> [Records to process]

◇ ◇ ◇ ◇ ◇

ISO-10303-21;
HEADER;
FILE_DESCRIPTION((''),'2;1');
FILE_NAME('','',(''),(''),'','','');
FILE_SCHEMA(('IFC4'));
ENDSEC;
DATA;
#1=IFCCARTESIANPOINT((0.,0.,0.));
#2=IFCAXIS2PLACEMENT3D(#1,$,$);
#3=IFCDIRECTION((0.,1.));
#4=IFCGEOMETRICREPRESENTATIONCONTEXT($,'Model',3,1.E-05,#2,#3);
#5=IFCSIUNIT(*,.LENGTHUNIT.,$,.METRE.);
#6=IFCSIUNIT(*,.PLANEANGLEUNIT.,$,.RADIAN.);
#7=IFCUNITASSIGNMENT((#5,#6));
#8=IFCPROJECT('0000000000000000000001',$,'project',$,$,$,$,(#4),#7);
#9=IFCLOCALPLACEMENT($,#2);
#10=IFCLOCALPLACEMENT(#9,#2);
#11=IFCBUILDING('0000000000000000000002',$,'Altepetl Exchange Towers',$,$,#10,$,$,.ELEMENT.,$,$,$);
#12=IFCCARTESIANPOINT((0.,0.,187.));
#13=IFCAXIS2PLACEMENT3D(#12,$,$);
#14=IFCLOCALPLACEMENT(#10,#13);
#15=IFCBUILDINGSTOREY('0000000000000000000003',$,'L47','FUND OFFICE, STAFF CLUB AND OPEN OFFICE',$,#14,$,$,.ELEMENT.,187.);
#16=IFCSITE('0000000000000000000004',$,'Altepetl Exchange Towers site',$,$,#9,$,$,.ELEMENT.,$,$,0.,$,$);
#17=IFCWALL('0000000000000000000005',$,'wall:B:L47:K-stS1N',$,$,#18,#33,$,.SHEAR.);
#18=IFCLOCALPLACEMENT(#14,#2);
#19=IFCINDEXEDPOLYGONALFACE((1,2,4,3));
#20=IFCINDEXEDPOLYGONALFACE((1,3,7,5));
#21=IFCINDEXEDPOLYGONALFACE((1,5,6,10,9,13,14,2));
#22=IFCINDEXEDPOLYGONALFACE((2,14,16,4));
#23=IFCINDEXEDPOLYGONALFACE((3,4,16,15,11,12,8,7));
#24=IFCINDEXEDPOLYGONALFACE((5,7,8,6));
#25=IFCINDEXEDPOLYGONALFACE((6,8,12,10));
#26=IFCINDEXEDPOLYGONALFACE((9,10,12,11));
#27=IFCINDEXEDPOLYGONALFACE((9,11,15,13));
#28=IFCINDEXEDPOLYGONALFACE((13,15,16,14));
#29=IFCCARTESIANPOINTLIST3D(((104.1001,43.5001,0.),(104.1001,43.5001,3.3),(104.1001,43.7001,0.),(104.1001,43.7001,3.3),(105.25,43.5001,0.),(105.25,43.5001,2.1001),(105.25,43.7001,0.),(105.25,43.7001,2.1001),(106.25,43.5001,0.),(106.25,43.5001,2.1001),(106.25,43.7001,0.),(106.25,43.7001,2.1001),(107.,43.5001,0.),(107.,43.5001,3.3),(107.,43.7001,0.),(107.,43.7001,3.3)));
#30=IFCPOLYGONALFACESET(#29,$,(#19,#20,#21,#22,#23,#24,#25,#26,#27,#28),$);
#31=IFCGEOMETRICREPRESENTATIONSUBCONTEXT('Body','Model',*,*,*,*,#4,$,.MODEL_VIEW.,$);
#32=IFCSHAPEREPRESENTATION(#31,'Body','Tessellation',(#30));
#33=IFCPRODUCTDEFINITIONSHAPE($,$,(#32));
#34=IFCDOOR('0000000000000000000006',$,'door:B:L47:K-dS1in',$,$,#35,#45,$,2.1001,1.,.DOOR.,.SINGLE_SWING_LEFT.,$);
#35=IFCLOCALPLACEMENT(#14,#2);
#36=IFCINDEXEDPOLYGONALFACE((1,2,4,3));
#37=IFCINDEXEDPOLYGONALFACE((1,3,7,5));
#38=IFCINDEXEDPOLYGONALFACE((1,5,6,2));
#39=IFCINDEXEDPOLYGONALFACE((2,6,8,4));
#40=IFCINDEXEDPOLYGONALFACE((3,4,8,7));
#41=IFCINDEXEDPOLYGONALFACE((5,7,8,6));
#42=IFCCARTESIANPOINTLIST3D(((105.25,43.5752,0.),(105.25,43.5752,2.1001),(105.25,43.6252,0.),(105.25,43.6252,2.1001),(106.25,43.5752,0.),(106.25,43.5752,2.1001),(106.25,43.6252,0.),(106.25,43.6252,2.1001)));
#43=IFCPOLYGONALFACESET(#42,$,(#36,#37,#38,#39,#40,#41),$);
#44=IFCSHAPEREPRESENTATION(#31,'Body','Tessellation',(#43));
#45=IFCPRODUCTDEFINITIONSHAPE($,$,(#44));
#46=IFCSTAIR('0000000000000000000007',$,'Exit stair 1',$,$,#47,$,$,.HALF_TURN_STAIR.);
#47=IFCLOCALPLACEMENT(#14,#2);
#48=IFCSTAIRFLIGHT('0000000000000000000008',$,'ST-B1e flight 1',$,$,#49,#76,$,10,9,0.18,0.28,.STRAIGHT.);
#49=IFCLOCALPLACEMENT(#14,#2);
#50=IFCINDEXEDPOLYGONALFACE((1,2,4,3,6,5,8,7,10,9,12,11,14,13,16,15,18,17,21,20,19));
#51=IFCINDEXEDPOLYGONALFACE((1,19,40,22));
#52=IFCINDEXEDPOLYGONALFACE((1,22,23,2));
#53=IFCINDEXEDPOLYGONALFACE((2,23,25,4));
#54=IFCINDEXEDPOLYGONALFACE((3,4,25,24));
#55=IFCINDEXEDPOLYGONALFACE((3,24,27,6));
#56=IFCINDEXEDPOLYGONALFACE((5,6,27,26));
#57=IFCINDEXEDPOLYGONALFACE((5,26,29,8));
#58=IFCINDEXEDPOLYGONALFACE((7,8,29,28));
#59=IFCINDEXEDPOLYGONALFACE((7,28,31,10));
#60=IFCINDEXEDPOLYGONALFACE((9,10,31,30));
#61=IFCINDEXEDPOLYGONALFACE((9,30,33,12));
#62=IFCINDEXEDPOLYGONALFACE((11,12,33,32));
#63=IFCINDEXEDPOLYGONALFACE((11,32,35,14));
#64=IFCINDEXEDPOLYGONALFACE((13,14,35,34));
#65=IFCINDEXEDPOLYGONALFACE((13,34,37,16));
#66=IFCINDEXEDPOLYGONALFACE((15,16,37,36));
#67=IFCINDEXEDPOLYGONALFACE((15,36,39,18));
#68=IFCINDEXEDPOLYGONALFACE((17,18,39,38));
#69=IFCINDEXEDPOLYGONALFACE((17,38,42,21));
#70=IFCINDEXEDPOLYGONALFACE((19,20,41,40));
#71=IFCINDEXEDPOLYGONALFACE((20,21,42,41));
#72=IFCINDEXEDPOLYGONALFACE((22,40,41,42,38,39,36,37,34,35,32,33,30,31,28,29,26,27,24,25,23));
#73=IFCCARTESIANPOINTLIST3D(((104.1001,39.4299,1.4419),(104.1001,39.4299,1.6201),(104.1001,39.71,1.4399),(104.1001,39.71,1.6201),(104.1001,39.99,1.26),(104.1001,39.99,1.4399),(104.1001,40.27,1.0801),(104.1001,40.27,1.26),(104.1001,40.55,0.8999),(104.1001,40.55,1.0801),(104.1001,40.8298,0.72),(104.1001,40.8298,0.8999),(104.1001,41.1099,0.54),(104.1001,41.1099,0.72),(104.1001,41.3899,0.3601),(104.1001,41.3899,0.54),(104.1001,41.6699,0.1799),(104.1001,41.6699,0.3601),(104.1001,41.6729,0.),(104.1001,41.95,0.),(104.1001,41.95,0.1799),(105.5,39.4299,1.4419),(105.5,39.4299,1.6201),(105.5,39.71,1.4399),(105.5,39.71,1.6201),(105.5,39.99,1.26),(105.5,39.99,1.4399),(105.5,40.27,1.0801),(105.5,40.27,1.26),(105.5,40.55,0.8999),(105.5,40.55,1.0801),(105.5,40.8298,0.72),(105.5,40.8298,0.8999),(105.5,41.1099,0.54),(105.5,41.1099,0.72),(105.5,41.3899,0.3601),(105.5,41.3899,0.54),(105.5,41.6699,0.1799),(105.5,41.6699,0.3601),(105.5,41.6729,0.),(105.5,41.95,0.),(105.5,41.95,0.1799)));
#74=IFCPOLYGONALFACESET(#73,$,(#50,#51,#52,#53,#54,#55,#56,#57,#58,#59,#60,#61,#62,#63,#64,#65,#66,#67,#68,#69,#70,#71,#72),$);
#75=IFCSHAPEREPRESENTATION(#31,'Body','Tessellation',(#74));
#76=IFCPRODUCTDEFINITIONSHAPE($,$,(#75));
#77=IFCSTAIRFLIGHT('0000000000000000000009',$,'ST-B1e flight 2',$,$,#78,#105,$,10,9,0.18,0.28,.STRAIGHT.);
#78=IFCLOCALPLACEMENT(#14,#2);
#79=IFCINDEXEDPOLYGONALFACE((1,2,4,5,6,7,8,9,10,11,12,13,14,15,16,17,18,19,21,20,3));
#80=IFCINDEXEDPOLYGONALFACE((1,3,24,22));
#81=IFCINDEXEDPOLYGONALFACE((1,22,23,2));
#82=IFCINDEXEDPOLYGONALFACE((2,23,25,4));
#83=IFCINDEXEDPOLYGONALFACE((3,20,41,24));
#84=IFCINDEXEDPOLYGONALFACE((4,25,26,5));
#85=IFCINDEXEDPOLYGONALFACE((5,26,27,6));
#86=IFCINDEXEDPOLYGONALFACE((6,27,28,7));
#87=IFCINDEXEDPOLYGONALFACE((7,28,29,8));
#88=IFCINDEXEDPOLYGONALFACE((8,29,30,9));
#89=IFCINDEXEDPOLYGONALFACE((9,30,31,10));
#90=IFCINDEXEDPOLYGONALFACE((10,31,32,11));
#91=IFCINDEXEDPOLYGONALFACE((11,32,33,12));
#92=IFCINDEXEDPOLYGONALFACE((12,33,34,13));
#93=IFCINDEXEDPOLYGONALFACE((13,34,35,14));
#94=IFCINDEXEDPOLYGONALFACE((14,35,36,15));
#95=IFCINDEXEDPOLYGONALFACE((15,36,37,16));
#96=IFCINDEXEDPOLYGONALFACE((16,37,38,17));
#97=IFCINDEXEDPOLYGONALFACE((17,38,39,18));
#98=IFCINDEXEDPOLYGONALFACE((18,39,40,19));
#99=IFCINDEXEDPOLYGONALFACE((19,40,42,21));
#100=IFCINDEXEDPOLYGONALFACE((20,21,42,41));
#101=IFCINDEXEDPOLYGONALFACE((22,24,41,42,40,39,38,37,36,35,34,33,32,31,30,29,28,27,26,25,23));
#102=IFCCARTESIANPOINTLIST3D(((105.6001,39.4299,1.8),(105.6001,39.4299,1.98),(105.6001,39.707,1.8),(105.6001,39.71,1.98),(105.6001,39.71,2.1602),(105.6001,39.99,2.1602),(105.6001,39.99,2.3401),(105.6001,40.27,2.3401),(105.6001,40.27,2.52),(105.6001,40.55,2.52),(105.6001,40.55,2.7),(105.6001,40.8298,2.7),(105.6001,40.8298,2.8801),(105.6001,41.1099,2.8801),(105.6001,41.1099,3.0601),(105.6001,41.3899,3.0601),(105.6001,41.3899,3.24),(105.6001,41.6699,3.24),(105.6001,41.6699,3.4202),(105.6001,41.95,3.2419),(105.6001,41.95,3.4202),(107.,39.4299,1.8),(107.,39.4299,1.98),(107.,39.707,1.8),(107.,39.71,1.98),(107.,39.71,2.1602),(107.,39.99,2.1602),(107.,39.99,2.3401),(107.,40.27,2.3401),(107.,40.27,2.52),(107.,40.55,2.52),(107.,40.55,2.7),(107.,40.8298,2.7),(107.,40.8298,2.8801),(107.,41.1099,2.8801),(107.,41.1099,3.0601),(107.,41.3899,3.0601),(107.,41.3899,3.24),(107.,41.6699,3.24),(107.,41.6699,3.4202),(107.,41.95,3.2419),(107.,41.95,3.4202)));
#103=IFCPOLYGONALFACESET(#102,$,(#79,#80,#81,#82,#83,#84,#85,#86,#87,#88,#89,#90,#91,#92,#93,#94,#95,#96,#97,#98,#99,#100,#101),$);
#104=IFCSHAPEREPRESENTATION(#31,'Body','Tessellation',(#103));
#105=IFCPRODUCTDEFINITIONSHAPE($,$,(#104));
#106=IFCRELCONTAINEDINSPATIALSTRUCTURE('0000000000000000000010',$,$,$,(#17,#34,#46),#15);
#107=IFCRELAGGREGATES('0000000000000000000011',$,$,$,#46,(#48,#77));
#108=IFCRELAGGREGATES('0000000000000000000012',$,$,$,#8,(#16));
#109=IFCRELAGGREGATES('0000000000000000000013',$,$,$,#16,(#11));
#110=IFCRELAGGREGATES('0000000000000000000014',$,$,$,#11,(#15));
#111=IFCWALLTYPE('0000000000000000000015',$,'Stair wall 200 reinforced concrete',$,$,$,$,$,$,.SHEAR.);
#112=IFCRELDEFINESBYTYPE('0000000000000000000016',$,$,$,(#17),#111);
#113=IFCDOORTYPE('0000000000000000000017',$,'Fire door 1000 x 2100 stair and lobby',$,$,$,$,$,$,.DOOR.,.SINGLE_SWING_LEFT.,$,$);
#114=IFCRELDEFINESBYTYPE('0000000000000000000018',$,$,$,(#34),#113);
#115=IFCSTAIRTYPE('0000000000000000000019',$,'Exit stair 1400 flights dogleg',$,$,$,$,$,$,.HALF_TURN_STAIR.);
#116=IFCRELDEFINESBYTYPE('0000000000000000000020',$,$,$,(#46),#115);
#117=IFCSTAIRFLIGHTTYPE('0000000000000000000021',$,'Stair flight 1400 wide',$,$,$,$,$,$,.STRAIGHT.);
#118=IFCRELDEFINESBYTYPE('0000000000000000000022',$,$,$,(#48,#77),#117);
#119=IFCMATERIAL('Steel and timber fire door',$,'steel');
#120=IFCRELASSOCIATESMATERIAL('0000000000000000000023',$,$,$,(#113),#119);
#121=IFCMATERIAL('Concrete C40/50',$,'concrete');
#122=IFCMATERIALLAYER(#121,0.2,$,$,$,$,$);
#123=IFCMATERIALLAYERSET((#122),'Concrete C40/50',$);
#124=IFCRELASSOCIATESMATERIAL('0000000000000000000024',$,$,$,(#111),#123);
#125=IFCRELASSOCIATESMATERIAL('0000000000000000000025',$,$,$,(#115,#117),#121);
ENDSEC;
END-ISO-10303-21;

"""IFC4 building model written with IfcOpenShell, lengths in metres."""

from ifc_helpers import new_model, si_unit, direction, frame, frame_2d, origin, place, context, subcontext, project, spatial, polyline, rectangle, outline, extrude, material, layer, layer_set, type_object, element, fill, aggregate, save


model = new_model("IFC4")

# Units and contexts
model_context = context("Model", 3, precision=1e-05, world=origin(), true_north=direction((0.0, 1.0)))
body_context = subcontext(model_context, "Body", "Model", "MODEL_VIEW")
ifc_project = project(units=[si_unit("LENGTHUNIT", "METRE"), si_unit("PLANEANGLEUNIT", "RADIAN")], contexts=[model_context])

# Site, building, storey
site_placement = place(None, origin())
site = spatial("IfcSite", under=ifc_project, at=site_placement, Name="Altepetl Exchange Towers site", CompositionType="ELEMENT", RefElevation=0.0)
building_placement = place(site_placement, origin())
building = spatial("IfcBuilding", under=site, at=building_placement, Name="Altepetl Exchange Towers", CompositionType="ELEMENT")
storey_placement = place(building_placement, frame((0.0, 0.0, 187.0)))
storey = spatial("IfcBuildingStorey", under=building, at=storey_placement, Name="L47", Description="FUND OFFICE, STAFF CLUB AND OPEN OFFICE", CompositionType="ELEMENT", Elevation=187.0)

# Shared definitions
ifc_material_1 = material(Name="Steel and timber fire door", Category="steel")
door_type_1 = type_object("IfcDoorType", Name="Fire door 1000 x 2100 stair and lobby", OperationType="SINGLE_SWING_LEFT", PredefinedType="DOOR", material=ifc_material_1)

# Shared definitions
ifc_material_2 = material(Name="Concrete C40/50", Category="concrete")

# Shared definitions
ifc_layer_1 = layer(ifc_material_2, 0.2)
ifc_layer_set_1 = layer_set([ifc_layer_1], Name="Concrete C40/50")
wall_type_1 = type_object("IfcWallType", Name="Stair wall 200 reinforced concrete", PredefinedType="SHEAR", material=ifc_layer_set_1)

◇ ◇ ◇ ◇ ◇

Output, unchanged, the lines of the listing above from the first one through the one holding "#22=IFCINDEXEDPOLYGONALFACE((2,14,16,4));". Leave out every line after it.

> [Answer for this exercise]
ISO-10303-21;
HEADER;
FILE_DESCRIPTION((''),'2;1');
FILE_NAME('','',(''),(''),'','','');
FILE_SCHEMA(('IFC4'));
ENDSEC;
DATA;
#1=IFCCARTESIANPOINT((0.,0.,0.));
#2=IFCAXIS2PLACEMENT3D(#1,$,$);
#3=IFCDIRECTION((0.,1.));
#4=IFCGEOMETRICREPRESENTATIONCONTEXT($,'Model',3,1.E-05,#2,#3);
#5=IFCSIUNIT(*,.LENGTHUNIT.,$,.METRE.);
#6=IFCSIUNIT(*,.PLANEANGLEUNIT.,$,.RADIAN.);
#7=IFCUNITASSIGNMENT((#5,#6));
#8=IFCPROJECT('0000000000000000000001',$,'project',$,$,$,$,(#4),#7);
#9=IFCLOCALPLACEMENT($,#2);
#10=IFCLOCALPLACEMENT(#9,#2);
#11=IFCBUILDING('0000000000000000000002',$,'Altepetl Exchange Towers',$,$,#10,$,$,.ELEMENT.,$,$,$);
#12=IFCCARTESIANPOINT((0.,0.,187.));
#13=IFCAXIS2PLACEMENT3D(#12,$,$);
#14=IFCLOCALPLACEMENT(#10,#13);
#15=IFCBUILDINGSTOREY('0000000000000000000003',$,'L47','FUND OFFICE, STAFF CLUB AND OPEN OFFICE',$,#14,$,$,.ELEMENT.,187.);
#16=IFCSITE('0000000000000000000004',$,'Altepetl Exchange Towers site',$,$,#9,$,$,.ELEMENT.,$,$,0.,$,$);
#17=IFCWALL('0000000000000000000005',$,'wall:B:L47:K-stS1N',$,$,#18,#33,$,.SHEAR.);
#18=IFCLOCALPLACEMENT(#14,#2);
#19=IFCINDEXEDPOLYGONALFACE((1,2,4,3));
#20=IFCINDEXEDPOLYGONALFACE((1,3,7,5));
#21=IFCINDEXEDPOLYGONALFACE((1,5,6,10,9,13,14,2));
#22=IFCINDEXEDPOLYGONALFACE((2,14,16,4));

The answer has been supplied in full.